WHAT YOU SHOULD DO —
How many lines in the records below contain the word "given"? Reply with the number alone.

__________________________________________________

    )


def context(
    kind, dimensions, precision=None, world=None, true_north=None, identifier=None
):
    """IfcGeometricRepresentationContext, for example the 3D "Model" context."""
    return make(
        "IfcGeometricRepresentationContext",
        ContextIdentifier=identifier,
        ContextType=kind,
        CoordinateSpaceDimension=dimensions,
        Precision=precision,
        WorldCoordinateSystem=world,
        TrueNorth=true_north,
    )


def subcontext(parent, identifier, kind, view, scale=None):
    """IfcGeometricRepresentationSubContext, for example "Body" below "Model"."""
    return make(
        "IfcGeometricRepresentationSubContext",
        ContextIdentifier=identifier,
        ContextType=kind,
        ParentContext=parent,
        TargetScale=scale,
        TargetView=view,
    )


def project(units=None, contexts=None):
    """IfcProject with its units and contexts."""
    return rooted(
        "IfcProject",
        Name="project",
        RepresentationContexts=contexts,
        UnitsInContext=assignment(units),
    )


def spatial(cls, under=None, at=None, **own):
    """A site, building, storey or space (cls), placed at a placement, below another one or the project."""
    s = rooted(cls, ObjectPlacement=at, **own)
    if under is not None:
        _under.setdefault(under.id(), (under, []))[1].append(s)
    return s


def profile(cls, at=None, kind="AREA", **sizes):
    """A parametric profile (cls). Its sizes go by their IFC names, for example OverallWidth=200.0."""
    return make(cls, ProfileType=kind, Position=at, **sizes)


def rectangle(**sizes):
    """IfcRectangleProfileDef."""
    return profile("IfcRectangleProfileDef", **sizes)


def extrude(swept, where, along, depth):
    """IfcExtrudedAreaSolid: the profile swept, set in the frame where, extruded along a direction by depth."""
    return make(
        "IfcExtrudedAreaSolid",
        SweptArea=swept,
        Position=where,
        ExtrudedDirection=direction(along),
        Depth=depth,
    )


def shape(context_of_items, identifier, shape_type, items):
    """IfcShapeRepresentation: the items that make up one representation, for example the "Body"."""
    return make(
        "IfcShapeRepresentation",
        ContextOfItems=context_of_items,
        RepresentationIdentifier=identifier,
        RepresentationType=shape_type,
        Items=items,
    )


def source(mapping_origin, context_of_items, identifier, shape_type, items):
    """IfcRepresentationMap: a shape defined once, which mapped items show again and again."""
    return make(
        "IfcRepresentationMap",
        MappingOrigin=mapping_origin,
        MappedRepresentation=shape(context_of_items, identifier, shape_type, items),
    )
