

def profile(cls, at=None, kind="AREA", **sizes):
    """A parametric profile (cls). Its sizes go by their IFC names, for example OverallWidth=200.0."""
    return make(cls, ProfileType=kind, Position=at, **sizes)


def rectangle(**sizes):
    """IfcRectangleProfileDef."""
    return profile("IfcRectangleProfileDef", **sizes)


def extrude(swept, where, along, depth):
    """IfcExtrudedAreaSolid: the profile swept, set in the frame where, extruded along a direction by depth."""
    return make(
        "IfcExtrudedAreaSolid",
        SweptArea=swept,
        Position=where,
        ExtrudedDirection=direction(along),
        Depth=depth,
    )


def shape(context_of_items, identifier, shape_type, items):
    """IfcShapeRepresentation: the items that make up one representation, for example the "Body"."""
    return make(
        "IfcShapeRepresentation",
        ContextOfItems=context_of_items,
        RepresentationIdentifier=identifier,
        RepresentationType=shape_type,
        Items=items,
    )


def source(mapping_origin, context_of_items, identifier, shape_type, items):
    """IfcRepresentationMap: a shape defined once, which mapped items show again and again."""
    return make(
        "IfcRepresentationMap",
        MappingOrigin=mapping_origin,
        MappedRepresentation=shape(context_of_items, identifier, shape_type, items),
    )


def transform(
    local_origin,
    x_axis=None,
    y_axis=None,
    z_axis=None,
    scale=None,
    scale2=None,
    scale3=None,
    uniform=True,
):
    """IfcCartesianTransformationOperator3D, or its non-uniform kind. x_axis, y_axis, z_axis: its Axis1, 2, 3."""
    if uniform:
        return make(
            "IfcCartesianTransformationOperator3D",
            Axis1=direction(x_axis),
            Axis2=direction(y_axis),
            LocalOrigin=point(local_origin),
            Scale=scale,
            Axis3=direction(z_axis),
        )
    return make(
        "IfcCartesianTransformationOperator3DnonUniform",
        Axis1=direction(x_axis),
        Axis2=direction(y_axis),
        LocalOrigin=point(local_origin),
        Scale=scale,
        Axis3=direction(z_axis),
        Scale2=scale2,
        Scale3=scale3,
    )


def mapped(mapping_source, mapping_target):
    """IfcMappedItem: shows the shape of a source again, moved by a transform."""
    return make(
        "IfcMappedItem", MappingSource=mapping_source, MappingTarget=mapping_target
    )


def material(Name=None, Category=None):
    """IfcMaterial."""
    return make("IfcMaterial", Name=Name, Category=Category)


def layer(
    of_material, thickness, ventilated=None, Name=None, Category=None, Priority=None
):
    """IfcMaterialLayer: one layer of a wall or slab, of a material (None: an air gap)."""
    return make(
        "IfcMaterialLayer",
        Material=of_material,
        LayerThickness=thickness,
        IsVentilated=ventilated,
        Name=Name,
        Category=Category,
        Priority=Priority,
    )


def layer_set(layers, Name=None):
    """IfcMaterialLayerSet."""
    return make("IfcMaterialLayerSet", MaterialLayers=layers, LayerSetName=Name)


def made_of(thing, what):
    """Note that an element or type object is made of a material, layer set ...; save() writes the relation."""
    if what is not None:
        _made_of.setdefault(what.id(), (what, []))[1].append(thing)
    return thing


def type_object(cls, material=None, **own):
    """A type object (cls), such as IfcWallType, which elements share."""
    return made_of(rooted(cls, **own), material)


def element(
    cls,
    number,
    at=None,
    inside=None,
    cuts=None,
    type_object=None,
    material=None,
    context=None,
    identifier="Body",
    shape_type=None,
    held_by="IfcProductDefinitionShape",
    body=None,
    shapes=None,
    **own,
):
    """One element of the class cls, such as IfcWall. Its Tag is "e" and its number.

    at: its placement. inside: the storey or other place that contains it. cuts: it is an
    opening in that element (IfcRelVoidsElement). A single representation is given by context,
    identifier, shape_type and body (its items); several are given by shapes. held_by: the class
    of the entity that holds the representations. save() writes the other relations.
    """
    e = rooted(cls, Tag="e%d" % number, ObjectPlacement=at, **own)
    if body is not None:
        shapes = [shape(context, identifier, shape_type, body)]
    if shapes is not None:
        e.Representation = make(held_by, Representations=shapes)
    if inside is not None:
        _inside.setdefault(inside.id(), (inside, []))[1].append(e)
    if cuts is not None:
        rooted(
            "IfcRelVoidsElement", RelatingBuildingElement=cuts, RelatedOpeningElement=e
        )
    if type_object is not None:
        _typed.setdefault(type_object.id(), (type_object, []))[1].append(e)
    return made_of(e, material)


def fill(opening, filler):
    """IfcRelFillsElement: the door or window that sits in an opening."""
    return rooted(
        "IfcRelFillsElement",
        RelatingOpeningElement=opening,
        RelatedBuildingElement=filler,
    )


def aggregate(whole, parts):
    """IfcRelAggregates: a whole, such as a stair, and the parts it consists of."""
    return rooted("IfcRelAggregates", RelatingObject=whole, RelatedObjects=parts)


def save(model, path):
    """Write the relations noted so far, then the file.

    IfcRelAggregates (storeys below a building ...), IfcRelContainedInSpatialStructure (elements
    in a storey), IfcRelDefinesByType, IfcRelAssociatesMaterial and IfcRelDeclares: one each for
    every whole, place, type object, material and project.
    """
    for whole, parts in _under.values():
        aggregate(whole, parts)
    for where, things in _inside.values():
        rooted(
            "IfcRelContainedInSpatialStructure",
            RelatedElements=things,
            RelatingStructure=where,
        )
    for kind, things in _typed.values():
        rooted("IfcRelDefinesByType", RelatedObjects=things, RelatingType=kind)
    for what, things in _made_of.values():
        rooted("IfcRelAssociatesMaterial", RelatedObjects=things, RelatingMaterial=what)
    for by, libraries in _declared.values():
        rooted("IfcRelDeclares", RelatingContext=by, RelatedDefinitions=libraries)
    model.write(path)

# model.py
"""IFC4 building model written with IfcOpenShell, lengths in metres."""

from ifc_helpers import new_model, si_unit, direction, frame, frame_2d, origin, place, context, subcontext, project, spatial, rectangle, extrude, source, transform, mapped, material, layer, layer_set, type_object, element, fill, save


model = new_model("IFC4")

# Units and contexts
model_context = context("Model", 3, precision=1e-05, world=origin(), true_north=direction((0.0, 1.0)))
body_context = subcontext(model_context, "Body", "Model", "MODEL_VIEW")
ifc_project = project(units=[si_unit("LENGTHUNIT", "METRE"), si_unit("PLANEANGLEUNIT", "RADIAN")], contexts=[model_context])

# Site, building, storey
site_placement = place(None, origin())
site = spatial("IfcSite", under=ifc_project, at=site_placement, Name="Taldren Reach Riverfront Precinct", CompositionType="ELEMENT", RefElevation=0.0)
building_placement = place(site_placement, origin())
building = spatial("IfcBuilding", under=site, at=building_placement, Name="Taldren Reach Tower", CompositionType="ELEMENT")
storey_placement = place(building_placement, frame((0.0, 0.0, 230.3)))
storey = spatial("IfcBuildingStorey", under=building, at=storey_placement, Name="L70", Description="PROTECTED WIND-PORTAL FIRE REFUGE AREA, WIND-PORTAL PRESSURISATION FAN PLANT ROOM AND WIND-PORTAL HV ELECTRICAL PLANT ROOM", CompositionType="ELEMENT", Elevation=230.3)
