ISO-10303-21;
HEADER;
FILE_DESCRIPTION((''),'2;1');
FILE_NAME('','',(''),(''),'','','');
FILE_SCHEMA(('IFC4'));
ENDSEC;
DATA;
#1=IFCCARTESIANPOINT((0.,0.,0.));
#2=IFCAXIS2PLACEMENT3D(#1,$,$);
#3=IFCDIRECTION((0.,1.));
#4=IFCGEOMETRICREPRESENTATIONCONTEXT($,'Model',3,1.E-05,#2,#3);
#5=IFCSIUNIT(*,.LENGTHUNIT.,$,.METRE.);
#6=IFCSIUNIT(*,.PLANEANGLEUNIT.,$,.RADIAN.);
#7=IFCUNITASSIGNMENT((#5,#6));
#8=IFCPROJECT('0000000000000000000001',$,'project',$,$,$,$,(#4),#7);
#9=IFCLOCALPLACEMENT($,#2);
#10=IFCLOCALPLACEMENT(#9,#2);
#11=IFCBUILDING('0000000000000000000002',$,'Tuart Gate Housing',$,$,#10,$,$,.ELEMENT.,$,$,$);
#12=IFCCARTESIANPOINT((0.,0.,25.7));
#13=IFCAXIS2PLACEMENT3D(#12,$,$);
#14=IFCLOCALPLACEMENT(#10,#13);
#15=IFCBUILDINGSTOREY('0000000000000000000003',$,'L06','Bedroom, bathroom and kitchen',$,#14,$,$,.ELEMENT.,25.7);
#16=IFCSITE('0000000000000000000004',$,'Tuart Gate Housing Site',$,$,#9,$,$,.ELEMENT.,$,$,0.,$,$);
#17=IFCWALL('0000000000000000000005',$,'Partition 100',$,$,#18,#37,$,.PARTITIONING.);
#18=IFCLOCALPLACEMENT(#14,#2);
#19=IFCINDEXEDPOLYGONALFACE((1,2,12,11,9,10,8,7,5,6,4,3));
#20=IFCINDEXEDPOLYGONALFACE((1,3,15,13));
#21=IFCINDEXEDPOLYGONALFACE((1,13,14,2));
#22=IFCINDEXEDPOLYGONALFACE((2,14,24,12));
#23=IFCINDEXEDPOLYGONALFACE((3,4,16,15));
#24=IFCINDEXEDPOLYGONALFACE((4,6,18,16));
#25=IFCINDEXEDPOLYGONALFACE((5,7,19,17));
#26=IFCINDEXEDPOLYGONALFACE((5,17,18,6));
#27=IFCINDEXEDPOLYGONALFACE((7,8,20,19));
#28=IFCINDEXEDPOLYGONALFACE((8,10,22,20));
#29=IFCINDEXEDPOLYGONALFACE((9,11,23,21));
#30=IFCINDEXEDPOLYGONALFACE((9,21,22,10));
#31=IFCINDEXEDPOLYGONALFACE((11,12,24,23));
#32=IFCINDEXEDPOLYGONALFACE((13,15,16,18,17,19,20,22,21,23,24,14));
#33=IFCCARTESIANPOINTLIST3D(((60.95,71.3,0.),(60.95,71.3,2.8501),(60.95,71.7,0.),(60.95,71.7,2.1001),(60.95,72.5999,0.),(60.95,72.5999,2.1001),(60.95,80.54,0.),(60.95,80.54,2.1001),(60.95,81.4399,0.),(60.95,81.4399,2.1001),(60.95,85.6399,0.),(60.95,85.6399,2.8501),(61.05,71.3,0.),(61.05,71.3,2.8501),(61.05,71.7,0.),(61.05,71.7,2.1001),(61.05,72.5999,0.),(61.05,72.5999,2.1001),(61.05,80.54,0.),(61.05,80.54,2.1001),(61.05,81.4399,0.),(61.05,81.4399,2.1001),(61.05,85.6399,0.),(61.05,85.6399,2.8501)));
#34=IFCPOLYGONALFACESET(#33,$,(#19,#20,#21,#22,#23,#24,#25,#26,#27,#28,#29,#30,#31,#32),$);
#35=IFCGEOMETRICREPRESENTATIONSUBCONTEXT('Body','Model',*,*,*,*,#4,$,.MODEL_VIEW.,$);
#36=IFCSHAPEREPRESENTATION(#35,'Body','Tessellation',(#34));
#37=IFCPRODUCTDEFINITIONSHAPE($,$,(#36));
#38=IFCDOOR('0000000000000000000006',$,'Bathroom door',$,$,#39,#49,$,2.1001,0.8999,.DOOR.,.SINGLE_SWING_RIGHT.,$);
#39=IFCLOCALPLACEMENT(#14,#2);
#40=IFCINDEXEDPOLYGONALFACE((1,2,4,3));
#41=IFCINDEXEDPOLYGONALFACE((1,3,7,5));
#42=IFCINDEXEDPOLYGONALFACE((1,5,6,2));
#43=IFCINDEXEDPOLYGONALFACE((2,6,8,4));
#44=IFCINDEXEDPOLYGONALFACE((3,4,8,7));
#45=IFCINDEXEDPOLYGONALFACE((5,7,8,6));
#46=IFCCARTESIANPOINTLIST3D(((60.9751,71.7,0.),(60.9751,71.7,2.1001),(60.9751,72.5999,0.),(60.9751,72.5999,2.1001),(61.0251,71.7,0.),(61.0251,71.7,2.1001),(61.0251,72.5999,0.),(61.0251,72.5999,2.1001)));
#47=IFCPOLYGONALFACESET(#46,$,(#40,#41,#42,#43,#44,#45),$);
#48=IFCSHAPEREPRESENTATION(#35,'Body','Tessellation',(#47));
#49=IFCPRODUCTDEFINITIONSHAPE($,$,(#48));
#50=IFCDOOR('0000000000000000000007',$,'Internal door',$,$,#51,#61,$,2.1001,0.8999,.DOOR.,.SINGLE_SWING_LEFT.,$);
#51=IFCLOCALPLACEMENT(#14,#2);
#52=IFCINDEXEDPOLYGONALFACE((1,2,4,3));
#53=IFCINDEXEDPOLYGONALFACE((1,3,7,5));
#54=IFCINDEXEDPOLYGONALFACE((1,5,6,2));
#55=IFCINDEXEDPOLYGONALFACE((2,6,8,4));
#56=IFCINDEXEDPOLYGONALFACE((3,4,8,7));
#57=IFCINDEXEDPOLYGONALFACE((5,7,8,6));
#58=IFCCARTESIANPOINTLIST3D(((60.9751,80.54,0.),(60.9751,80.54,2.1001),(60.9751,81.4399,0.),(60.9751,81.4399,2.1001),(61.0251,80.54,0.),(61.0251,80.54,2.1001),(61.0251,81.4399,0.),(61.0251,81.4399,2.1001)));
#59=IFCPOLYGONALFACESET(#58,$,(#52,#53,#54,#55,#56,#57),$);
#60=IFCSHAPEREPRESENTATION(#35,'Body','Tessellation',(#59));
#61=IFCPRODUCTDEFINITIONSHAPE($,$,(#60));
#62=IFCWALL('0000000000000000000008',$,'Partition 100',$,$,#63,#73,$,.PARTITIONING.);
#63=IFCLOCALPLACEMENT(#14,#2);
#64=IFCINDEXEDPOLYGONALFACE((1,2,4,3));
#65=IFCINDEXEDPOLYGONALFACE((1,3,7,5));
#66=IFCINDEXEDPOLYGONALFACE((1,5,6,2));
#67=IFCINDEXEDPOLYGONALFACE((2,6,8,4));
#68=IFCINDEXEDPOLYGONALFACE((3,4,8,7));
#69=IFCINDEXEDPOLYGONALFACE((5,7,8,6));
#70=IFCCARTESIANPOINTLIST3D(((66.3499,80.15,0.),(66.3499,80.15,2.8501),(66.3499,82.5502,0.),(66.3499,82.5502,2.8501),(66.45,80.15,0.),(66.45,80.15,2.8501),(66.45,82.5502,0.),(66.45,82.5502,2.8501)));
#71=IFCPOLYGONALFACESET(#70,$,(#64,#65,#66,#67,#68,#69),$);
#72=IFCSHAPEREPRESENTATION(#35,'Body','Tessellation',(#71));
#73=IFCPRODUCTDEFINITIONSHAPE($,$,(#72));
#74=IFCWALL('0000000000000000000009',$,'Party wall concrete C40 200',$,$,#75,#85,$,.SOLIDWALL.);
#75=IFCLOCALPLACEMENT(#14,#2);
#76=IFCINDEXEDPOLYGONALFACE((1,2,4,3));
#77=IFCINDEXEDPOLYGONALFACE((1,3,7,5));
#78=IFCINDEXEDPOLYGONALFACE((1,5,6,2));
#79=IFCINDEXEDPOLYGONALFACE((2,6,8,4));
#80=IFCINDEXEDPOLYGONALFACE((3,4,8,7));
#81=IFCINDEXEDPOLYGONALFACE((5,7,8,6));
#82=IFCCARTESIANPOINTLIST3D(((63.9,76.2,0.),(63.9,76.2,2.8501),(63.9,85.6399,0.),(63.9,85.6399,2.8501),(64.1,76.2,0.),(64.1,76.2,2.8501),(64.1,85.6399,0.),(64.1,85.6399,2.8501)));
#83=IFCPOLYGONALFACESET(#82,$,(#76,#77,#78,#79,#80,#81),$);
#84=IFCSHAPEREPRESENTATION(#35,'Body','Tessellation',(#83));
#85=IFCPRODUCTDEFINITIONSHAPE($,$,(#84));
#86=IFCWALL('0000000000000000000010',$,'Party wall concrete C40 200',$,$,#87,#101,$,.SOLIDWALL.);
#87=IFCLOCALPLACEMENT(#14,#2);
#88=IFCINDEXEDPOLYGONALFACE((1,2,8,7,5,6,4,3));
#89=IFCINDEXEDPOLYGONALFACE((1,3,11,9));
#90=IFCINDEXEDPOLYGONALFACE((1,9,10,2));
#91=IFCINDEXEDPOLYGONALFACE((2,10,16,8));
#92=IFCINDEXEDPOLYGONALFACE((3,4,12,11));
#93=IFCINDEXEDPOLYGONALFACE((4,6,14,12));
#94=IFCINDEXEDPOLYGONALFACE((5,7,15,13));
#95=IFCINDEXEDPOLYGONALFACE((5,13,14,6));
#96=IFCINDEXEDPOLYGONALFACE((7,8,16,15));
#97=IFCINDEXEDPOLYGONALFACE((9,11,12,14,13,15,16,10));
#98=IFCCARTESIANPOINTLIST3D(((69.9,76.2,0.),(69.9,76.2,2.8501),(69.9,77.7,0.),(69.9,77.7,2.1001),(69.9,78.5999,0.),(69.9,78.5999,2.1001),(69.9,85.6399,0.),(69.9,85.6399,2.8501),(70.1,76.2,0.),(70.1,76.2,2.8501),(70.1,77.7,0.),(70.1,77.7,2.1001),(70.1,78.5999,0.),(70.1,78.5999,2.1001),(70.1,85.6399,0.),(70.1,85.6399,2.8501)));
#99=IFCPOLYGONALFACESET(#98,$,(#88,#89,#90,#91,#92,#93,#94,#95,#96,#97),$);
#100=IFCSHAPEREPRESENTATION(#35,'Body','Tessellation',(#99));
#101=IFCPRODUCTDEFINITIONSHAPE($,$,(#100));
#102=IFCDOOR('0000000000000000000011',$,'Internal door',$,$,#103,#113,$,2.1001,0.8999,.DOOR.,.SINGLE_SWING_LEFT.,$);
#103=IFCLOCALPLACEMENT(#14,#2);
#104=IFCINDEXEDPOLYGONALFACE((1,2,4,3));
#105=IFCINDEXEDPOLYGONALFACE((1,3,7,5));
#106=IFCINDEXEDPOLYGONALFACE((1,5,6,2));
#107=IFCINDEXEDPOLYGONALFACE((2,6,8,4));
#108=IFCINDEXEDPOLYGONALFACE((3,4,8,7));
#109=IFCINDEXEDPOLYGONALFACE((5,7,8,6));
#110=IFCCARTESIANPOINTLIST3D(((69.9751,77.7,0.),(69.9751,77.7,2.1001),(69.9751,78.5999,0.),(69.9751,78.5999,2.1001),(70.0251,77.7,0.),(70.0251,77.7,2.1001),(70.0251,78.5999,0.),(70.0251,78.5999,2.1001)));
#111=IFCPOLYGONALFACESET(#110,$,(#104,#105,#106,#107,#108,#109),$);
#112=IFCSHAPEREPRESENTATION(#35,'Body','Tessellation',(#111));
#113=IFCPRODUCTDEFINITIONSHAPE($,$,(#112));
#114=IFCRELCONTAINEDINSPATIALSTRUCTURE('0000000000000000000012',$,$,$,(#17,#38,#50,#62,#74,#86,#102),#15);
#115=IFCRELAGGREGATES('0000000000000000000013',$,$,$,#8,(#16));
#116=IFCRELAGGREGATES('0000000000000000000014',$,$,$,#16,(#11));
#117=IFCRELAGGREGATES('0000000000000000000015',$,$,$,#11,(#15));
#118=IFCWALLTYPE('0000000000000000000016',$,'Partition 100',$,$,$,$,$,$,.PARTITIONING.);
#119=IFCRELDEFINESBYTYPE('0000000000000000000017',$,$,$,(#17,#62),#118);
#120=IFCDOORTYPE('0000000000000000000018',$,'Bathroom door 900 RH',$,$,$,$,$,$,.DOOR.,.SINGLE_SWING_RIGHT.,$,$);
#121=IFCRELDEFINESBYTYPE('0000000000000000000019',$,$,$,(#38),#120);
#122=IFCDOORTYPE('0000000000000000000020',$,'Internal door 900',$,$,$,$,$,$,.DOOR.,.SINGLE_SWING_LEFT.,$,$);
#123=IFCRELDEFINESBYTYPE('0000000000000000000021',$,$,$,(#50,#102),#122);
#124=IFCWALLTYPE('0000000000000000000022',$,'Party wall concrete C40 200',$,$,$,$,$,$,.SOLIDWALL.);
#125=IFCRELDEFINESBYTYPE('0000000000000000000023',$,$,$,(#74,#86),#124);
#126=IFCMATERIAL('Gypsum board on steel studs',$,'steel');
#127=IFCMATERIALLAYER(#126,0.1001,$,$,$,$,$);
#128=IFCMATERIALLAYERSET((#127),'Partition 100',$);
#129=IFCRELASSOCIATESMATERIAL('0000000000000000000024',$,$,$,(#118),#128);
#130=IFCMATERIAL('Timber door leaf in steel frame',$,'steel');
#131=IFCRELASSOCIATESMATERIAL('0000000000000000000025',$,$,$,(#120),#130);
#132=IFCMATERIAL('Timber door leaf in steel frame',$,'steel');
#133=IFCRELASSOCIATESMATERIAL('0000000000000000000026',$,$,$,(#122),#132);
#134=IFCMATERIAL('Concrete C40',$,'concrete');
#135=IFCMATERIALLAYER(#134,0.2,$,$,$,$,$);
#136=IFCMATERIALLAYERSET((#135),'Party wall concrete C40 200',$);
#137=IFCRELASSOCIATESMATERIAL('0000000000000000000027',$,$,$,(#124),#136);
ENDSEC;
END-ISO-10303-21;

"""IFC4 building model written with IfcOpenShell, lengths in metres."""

from ifc_helpers import new_model, si_unit, direction, frame, frame_2d, origin, place, context, subcontext, project, spatial, rectangle, extrude, material, layer, layer_set, type_object, element, fill, save


model = new_model("IFC4")

# Units and contexts
model_context = context("Model", 3, precision=1e-05, world=origin(), true_north=direction((0.0, 1.0)))
body_context = subcontext(model_context, "Body", "Model", "MODEL_VIEW")
ifc_project = project(units=[si_unit("LENGTHUNIT", "METRE"), si_unit("PLANEANGLEUNIT", "RADIAN")], contexts=[model_context])

# Site, building, storey
site_placement = place(None, origin())
site = spatial("IfcSite", under=ifc_project, at=site_placement, Name="Tuart Gate Housing Site", CompositionType="ELEMENT", RefElevation=0.0)
building_placement = place(site_placement, origin())
building = spatial("IfcBuilding", under=site, at=building_placement, Name="Tuart Gate Housing", CompositionType="ELEMENT")
storey_placement = place(building_placement, frame((0.0, 0.0, 25.7)))
storey = spatial("IfcBuildingStorey", under=building, at=storey_placement, Name="L06", Description="Bedroom, bathroom and kitchen", CompositionType="ELEMENT", Elevation=25.7)

# Shared definitions
ifc_material_1 = material(Name="Gypsum board on steel studs", Category="steel")
ifc_layer_1 = layer(ifc_material_1, 0.1001)
ifc_layer_set_1 = layer_set([ifc_layer_1], Name="Partition 100")
wall_type_1 = type_object("IfcWallType", Name="Partition 100", PredefinedType="PARTITIONING", material=ifc_layer_set_1)

# Shared definitions
ifc_material_2 = material(Name="Timber door leaf in steel frame", Category="steel")
door_type_1 = type_object("IfcDoorType", Name="Bathroom door 900 RH", OperationType="SINGLE_SWING_RIGHT", PredefinedType="DOOR", material=ifc_material_2)
ifc_material_3 = material(Name="Timber door leaf in steel frame", Category="steel")
door_type_2 = type_object("IfcDoorType", Name="Internal door 900", OperationType="SINGLE_SWING_LEFT", PredefinedType="DOOR", material=ifc_material_3)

__________________________________________________

TASK OUTPUT —
2